[Source records]
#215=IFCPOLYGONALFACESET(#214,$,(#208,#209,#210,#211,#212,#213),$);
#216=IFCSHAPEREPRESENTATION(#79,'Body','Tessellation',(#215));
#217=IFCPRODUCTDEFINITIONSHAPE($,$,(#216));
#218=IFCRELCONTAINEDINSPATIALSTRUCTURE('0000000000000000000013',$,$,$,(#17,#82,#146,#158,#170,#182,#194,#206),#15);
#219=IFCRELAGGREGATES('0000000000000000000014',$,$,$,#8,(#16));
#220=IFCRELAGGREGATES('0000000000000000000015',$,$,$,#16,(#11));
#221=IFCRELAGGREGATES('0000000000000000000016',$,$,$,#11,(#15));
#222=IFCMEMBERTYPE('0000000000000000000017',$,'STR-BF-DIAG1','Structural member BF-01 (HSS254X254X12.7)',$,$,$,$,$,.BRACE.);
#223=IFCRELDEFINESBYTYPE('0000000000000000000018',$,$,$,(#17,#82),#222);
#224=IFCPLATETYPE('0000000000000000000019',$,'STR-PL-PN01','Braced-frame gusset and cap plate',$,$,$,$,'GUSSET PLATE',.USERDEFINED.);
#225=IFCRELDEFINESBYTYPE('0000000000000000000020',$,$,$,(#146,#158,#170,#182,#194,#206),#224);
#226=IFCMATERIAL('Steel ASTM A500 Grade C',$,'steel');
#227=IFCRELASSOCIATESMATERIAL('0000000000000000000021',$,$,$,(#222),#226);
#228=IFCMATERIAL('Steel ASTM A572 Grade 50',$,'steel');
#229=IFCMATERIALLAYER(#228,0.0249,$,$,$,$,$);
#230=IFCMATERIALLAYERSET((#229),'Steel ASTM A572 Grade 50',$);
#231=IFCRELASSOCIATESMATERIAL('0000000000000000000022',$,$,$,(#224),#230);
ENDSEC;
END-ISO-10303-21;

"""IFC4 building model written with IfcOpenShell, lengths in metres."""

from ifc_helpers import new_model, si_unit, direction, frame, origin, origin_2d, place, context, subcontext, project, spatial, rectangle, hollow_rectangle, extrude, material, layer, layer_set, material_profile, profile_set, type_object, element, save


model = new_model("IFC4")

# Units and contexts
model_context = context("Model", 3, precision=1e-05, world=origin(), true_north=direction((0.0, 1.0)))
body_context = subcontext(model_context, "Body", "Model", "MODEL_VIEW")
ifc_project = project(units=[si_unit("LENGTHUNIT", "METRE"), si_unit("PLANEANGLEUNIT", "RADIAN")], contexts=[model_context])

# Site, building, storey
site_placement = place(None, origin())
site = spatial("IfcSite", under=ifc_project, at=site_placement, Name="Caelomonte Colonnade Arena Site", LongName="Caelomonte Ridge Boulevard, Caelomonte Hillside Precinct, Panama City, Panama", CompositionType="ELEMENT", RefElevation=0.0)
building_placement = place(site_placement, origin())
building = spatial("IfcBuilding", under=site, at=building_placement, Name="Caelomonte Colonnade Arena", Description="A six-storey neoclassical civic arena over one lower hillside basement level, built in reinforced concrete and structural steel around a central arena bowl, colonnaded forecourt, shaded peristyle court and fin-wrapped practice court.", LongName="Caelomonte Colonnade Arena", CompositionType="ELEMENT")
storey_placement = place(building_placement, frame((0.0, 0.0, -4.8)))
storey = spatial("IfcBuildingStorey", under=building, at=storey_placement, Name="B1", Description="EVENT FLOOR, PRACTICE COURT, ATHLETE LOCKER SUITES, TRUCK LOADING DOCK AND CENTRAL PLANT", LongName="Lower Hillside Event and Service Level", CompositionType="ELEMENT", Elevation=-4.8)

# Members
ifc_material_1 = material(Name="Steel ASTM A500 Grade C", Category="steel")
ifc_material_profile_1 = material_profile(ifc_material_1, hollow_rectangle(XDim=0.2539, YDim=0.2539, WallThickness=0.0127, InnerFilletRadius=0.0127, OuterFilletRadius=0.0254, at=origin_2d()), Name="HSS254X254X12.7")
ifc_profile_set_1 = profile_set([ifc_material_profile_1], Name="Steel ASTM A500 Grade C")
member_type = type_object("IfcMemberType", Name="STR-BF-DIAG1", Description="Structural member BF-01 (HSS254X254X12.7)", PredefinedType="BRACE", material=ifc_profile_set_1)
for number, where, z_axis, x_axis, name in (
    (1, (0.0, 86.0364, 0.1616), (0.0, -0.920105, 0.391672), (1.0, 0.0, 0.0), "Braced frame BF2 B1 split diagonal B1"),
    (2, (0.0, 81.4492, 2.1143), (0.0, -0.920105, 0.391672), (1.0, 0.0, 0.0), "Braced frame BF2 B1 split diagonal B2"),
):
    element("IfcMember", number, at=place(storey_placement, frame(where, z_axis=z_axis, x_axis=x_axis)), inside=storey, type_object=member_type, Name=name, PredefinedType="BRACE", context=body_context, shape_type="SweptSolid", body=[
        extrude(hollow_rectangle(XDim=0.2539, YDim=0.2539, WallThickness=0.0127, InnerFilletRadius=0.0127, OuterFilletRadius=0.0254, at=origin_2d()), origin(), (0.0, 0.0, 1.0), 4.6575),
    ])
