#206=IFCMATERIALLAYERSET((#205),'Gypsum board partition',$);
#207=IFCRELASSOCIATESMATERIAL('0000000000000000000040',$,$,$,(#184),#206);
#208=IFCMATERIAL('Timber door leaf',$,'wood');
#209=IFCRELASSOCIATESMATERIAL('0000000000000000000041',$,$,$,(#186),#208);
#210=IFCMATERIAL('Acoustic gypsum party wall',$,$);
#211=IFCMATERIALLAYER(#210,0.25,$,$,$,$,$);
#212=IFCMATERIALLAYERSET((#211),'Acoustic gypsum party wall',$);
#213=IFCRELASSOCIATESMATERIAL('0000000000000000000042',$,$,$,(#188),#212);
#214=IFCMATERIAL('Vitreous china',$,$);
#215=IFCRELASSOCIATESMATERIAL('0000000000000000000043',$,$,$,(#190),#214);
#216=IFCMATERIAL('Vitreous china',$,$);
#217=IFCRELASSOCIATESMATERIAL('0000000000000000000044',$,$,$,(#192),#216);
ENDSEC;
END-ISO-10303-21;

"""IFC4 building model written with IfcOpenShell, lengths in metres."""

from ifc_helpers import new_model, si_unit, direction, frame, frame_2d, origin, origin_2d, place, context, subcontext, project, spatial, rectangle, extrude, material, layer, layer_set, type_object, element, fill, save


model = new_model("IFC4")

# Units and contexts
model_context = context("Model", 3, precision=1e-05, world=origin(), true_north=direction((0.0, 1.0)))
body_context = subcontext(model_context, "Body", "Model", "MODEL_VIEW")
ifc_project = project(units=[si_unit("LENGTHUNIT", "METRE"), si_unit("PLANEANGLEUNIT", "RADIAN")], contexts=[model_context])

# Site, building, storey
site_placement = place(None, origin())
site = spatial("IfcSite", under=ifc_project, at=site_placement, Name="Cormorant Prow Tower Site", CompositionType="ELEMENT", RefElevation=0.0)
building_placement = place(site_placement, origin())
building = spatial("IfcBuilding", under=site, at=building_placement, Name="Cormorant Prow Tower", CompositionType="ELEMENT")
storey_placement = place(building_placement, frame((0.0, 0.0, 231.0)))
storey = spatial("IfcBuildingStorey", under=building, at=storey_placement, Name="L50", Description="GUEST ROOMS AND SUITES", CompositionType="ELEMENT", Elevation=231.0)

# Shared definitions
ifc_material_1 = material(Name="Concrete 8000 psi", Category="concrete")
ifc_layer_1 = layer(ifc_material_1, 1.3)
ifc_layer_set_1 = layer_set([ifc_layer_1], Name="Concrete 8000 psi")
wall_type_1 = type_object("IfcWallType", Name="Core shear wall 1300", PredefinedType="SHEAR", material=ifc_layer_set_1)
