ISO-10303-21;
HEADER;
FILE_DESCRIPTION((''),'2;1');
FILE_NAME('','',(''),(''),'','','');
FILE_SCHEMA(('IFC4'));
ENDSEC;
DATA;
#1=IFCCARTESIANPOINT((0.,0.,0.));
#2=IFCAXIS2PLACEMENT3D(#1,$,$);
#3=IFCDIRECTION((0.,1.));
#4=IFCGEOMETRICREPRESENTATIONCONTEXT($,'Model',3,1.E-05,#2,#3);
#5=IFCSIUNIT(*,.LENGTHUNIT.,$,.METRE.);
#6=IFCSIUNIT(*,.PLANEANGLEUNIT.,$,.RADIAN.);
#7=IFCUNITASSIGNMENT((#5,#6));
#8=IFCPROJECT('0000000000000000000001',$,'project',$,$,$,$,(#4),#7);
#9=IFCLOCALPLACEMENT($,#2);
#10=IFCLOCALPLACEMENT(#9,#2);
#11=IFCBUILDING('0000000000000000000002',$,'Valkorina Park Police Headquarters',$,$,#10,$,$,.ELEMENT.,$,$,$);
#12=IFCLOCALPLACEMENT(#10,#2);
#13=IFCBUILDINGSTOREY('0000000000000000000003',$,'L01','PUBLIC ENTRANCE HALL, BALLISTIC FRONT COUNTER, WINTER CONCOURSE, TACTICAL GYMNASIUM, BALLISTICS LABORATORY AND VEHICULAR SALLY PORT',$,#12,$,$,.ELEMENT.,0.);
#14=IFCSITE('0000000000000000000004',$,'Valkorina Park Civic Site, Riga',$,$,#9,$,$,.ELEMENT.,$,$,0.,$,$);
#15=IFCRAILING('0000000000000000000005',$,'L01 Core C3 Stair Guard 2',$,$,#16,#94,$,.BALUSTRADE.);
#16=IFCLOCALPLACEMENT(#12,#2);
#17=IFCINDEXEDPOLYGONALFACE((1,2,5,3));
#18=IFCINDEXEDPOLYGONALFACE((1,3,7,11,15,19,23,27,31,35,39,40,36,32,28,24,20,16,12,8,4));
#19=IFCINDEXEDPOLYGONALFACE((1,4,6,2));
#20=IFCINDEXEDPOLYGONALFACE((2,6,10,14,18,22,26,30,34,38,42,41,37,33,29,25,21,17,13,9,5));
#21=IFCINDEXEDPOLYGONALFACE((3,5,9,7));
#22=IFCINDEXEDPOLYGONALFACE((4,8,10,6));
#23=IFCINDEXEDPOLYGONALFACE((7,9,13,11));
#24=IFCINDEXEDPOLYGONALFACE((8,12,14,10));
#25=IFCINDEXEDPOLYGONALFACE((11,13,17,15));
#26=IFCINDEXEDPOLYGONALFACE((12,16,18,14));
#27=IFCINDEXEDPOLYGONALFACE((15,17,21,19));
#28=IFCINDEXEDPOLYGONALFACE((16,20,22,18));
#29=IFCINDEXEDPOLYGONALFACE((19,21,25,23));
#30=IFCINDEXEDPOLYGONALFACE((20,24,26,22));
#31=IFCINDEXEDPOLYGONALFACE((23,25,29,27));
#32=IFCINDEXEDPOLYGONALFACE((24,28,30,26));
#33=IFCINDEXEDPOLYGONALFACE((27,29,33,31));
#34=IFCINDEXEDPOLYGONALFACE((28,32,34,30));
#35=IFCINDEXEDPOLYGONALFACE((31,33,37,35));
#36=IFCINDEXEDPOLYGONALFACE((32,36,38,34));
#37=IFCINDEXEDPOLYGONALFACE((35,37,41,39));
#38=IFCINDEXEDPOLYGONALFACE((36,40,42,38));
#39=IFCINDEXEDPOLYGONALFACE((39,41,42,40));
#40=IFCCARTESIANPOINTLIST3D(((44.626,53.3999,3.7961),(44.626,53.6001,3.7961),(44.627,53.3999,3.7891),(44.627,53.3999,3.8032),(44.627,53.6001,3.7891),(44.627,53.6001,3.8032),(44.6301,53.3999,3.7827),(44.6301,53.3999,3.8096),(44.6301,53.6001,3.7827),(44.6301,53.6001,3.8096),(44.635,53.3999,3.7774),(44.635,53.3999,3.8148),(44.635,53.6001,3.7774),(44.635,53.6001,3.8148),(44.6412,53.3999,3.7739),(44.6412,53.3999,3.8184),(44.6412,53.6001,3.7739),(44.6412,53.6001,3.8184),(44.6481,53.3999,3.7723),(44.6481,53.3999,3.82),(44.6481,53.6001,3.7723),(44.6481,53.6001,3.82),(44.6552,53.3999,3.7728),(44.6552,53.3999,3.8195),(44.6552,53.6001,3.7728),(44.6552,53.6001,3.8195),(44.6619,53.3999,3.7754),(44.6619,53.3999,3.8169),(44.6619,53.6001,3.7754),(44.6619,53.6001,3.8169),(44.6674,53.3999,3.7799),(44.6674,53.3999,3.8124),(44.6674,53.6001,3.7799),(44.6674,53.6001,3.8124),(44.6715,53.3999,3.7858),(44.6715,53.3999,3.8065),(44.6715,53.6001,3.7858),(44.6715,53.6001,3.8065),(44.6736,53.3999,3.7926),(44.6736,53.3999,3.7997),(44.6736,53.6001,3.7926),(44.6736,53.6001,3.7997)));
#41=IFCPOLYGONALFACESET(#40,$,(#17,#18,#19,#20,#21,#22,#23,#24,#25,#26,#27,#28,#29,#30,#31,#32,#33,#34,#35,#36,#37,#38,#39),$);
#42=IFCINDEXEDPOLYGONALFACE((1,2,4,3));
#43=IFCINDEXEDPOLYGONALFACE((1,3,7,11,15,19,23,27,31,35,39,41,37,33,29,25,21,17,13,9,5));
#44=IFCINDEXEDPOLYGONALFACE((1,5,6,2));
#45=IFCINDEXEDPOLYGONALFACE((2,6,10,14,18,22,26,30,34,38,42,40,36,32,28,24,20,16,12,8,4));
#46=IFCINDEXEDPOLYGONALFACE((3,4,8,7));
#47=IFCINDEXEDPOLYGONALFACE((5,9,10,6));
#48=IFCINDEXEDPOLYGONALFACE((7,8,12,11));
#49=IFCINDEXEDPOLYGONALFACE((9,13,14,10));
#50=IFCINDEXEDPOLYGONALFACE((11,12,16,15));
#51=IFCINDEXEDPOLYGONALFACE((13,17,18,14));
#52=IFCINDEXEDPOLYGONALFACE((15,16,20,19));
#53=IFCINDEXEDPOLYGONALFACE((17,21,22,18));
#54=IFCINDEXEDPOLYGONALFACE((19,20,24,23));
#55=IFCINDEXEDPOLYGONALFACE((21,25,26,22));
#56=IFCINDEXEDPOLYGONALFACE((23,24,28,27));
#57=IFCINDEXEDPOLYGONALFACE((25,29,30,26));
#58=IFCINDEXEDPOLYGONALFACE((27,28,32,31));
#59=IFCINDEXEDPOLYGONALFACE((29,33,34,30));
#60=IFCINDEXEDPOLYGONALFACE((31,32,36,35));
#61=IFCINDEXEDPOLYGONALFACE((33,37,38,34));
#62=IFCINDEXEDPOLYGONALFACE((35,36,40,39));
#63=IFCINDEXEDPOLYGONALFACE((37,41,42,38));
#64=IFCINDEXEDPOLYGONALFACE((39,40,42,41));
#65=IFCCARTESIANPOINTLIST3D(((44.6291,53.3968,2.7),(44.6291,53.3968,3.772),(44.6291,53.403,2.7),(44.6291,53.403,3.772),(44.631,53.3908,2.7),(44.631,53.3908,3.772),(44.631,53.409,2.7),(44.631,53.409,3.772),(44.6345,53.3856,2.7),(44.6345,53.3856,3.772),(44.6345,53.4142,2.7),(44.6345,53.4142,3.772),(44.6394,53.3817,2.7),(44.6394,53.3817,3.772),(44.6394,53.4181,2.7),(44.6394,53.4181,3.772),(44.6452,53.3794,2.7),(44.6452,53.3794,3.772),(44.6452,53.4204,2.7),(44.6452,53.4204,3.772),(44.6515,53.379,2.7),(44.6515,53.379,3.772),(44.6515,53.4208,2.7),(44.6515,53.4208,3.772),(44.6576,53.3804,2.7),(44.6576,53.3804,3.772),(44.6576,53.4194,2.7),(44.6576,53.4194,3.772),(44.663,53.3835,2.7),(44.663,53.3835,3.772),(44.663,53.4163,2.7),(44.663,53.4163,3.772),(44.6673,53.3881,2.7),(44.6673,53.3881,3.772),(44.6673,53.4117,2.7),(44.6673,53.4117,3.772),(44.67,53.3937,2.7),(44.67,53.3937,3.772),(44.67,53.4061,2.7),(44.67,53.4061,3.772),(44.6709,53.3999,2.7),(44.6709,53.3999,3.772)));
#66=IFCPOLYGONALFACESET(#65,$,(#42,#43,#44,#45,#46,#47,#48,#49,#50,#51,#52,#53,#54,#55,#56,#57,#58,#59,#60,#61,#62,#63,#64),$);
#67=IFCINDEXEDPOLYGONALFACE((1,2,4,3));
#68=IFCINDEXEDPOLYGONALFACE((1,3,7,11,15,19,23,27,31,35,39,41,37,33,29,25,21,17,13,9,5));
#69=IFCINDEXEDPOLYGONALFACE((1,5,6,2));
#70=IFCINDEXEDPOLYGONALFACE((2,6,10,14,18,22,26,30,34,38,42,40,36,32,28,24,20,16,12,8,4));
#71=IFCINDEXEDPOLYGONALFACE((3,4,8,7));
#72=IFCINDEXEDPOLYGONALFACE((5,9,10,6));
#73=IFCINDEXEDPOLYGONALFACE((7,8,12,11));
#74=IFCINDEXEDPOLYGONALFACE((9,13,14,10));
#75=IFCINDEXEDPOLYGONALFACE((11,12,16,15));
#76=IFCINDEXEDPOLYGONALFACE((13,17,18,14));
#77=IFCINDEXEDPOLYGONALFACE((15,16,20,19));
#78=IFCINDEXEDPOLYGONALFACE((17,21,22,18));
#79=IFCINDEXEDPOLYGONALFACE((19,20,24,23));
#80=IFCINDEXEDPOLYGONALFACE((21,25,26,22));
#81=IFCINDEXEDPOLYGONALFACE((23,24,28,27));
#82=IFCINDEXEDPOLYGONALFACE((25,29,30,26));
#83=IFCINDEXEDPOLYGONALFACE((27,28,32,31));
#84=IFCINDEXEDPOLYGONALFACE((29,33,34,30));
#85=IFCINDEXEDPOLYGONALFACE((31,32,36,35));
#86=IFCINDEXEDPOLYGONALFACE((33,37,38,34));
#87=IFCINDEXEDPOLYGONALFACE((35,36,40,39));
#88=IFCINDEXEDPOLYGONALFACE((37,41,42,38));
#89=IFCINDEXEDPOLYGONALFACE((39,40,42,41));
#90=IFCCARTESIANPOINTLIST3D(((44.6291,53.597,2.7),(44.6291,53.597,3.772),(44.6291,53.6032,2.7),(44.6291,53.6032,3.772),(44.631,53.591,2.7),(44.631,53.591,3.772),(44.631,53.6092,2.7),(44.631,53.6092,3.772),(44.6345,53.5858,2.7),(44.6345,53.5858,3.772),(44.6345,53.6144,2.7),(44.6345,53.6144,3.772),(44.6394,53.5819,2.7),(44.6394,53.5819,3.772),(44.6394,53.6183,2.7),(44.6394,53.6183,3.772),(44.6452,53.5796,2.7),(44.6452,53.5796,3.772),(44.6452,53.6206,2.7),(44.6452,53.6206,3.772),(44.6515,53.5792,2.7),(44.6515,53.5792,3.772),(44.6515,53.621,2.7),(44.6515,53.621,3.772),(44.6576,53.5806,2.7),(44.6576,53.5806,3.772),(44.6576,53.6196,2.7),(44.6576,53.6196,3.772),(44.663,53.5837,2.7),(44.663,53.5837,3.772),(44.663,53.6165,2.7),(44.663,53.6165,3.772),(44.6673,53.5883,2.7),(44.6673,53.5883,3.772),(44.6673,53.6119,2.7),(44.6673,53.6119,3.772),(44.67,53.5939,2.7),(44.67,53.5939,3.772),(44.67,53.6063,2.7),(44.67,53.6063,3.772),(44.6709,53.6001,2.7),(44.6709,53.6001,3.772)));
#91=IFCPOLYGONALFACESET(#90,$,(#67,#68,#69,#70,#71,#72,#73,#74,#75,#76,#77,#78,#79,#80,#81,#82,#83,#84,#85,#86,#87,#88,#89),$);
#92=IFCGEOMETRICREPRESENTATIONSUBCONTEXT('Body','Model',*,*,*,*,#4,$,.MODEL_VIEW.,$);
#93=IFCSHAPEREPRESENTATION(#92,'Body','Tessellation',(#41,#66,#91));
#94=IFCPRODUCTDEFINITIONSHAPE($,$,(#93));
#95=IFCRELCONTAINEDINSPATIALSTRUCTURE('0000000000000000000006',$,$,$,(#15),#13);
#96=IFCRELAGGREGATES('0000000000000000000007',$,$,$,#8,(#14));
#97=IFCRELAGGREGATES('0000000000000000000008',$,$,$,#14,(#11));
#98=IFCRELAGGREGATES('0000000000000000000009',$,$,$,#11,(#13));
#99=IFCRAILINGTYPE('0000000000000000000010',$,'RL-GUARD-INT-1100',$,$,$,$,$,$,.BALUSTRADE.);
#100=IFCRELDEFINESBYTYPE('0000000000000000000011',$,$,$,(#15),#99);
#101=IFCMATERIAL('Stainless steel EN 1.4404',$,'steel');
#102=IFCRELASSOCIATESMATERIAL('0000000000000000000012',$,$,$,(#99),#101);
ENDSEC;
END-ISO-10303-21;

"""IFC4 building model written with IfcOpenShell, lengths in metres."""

from ifc_helpers import new_model, si_unit, direction, frame, origin, origin_2d, place, context, subcontext, project, spatial, circle, extrude, material, type_object, element, save


model = new_model("IFC4")

# Units and contexts
model_context = context("Model", 3, precision=1e-05, world=origin(), true_north=direction((0.0, 1.0)))
body_context = subcontext(model_context, "Body", "Model", "MODEL_VIEW")
ifc_project = project(units=[si_unit("LENGTHUNIT", "METRE"), si_unit("PLANEANGLEUNIT", "RADIAN")], contexts=[model_context])

# Site, building, storey
site_placement = place(None, origin())
site = spatial("IfcSite", under=ifc_project, at=site_placement, Name="Valkorina Park Civic Site, Riga", CompositionType="ELEMENT", RefElevation=0.0)
building_placement = place(site_placement, origin())
building = spatial("IfcBuilding", under=site, at=building_placement, Name="Valkorina Park Police Headquarters", CompositionType="ELEMENT")
storey_placement = place(building_placement, origin())
storey = spatial("IfcBuildingStorey", under=building, at=storey_placement, Name="L01", Description="PUBLIC ENTRANCE HALL, BALLISTIC FRONT COUNTER, WINTER CONCOURSE, TACTICAL GYMNASIUM, BALLISTICS LABORATORY AND VEHICULAR SALLY PORT", CompositionType="ELEMENT", Elevation=0.0)

# Shared definitions
ifc_material_1 = material(Name="Stainless steel EN 1.4404", Category="steel")

# Railing
railing_type_1 = type_object("IfcRailingType", Name="RL-GUARD-INT-1100", PredefinedType="BALUSTRADE", material=ifc_material_1)
railing_1_placement = place(storey_placement, frame((44.6499, 53.3999, 2.7)))
element("IfcRailing", 1, at=railing_1_placement, inside=storey, type_object=railing_type_1, Name="L01 Core C3 Stair Guard 2", PredefinedType="BALUSTRADE", context=body_context, shape_type="SweptSolid", body=[
    extrude(circle(Radius=0.0239, at=origin_2d()), frame((0.0, 0.0, 1.0962), z_axis=(0.0, 1.0, 0.0), x_axis=(-1.0, 0.0, 0.0)), (0.0, 0.0, 1.0), 0.2002),
    extrude(circle(Radius=0.021, at=origin_2d()), origin(), (0.0, 0.0, 1.0), 1.072),
    extrude(circle(Radius=0.021, at=origin_2d()), frame((0.0, 0.2002, 0.0)), (0.0, 0.0, 1.0), 1.072),
])

save(model, "model.ifc")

[Work instructions]
The expected result is every line from the material above that includes "Grade".

[Answer to this problem]
#226=IFCMATERIAL('Steel ASTM A500 Grade C',$,'steel');
#228=IFCMATERIAL('Steel ASTM A572 Grade 50',$,'steel');
#230=IFCMATERIALLAYERSET((#229),'Steel ASTM A572 Grade 50',$);
ifc_material_1 = material(Name="Steel ASTM A500 Grade C", Category="steel")
ifc_profile_set_1 = profile_set([ifc_material_profile_1], Name="Steel ASTM A500 Grade C")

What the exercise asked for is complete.